++++ GIVEN ENTRIES ++++

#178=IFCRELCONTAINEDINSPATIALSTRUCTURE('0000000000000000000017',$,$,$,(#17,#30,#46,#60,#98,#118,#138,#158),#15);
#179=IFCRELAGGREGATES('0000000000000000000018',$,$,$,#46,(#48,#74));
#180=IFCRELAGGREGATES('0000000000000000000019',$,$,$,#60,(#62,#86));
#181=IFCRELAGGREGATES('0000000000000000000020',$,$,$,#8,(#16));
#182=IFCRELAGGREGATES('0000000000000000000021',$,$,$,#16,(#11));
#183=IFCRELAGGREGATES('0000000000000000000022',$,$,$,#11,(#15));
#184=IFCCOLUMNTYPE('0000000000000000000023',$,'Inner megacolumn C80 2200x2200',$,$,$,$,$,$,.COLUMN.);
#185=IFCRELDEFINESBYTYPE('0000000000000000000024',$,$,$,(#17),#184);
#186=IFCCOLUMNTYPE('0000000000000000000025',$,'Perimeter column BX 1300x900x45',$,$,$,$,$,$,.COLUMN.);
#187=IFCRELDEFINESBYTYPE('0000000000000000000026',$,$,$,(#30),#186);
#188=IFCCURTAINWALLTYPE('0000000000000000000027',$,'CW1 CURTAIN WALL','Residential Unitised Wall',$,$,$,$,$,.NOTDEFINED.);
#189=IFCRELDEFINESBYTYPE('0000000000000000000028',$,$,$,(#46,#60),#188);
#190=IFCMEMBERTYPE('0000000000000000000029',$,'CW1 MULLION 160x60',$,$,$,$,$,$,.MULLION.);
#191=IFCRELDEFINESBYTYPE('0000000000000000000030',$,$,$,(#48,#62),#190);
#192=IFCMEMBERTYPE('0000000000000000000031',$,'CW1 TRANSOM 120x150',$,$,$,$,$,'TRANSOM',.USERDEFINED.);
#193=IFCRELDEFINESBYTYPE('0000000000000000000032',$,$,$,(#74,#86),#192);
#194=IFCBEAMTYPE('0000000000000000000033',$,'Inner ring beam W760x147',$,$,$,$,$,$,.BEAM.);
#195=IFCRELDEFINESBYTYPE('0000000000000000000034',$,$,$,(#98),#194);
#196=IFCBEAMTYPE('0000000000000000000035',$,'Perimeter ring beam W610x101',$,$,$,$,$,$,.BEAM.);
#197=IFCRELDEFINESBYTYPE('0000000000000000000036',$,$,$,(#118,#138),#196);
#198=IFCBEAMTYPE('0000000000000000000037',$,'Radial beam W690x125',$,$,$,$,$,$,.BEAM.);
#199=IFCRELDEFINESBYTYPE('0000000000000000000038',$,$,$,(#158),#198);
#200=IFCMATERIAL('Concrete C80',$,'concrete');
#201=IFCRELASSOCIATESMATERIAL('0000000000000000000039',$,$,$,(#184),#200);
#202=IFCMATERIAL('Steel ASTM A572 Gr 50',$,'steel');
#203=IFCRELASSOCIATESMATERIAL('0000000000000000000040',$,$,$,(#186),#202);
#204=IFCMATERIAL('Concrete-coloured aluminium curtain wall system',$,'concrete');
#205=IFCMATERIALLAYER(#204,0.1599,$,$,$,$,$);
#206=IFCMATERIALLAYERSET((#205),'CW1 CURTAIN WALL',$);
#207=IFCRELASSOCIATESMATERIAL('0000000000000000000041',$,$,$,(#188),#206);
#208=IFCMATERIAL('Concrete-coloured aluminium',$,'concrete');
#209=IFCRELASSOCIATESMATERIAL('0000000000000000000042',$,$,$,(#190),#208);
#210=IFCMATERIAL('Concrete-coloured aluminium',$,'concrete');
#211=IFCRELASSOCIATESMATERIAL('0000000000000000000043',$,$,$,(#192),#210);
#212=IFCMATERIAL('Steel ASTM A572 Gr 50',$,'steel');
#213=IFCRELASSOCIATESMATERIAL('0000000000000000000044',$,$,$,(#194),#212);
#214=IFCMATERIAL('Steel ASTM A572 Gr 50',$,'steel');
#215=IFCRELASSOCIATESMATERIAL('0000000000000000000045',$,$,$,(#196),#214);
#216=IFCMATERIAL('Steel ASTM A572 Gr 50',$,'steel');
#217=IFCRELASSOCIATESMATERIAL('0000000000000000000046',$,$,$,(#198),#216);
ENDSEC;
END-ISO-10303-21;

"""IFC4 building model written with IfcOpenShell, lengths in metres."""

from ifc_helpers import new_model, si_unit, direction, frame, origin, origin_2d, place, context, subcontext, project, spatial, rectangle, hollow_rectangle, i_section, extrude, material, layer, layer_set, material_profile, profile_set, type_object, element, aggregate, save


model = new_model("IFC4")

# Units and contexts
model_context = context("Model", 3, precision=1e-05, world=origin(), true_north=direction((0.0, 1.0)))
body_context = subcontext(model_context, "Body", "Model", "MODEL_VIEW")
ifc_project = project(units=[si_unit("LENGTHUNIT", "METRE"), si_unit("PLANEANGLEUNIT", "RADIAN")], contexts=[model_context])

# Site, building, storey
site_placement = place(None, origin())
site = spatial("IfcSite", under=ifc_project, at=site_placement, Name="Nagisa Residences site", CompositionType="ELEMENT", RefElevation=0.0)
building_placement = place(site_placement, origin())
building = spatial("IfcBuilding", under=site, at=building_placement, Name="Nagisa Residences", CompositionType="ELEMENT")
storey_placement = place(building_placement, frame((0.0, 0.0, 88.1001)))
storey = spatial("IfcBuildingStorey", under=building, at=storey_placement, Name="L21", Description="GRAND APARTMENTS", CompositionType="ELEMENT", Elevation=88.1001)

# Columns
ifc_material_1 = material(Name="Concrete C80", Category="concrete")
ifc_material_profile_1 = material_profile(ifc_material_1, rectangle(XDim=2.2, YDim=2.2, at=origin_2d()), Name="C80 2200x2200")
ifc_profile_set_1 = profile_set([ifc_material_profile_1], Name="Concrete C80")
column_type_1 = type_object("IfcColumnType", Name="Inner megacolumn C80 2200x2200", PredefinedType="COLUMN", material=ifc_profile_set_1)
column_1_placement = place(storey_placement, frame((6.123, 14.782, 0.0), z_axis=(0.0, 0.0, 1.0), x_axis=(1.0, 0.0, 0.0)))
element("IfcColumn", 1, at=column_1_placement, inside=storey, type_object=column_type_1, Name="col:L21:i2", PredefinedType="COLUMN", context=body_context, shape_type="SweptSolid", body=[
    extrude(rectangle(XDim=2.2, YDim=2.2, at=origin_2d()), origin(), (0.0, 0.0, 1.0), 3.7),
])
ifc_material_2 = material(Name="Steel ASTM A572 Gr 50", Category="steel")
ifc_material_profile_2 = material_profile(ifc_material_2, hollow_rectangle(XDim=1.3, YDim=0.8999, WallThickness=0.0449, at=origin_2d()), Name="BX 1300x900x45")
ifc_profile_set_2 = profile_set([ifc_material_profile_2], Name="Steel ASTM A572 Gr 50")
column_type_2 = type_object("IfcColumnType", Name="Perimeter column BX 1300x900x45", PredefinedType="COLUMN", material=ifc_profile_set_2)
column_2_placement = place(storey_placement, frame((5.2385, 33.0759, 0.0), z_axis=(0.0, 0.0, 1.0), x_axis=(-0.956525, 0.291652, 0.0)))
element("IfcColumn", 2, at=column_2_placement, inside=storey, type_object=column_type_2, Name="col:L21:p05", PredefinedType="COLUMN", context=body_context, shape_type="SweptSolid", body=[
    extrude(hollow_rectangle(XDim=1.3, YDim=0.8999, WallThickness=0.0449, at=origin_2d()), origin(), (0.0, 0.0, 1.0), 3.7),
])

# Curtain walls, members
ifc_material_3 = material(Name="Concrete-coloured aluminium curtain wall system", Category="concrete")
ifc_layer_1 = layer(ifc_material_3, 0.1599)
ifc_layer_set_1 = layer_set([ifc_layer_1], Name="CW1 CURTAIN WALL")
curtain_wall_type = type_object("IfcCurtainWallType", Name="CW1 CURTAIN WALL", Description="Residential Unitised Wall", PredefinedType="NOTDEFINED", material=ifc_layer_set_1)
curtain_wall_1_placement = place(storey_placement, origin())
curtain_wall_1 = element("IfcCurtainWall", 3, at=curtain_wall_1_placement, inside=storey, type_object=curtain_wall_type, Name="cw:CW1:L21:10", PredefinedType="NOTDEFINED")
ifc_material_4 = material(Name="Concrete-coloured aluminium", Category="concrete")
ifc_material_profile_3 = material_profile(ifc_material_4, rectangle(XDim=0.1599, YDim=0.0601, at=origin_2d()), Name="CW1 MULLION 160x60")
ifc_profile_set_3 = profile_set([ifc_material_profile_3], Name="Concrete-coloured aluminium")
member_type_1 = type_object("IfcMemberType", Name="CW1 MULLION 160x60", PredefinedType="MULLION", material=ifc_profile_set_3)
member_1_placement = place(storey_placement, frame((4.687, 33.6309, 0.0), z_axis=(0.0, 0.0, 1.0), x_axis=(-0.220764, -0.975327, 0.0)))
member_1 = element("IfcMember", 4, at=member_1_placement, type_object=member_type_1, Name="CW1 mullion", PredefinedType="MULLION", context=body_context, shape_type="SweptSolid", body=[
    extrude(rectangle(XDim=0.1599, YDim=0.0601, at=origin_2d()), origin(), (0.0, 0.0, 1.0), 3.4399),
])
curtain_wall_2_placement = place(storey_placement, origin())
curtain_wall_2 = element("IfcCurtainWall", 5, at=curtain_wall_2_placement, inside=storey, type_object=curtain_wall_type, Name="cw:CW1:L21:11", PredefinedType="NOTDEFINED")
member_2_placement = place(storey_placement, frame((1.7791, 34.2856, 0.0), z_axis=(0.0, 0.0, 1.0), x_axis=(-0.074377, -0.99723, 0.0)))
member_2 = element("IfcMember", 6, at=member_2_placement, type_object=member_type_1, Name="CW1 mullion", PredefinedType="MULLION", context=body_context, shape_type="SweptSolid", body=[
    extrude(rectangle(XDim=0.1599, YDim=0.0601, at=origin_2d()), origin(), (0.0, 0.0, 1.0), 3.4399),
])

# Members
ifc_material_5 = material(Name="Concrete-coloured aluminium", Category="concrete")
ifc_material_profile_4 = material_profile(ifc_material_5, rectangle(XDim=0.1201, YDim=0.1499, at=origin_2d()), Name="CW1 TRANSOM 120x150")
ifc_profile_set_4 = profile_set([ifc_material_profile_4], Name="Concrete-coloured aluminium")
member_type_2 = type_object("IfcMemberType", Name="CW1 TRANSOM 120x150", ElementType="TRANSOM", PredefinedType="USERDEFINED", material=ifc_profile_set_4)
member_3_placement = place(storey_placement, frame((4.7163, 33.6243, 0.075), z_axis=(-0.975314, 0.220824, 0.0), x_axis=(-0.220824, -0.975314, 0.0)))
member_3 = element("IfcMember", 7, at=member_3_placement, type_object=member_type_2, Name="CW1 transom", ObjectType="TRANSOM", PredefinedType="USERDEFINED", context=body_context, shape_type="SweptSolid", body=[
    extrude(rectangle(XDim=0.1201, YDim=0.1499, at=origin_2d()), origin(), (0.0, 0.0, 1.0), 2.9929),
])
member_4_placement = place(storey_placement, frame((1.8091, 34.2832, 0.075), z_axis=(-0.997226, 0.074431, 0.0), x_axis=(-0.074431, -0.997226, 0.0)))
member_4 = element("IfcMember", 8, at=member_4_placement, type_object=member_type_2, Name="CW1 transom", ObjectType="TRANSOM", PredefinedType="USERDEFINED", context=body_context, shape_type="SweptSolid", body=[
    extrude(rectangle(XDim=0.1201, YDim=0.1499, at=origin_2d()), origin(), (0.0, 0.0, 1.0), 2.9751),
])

++++

# WHAT THE TASK ASKS
Your reply should hold every line from the data that contains "Residences", copied in full.

# THE COMPLETED TASK
site = spatial("IfcSite", under=ifc_project, at=site_placement, Name="Nagisa Residences site", CompositionType="ELEMENT", RefElevation=0.0)
building = spatial("IfcBuilding", under=site, at=building_placement, Name="Nagisa Residences", CompositionType="ELEMENT")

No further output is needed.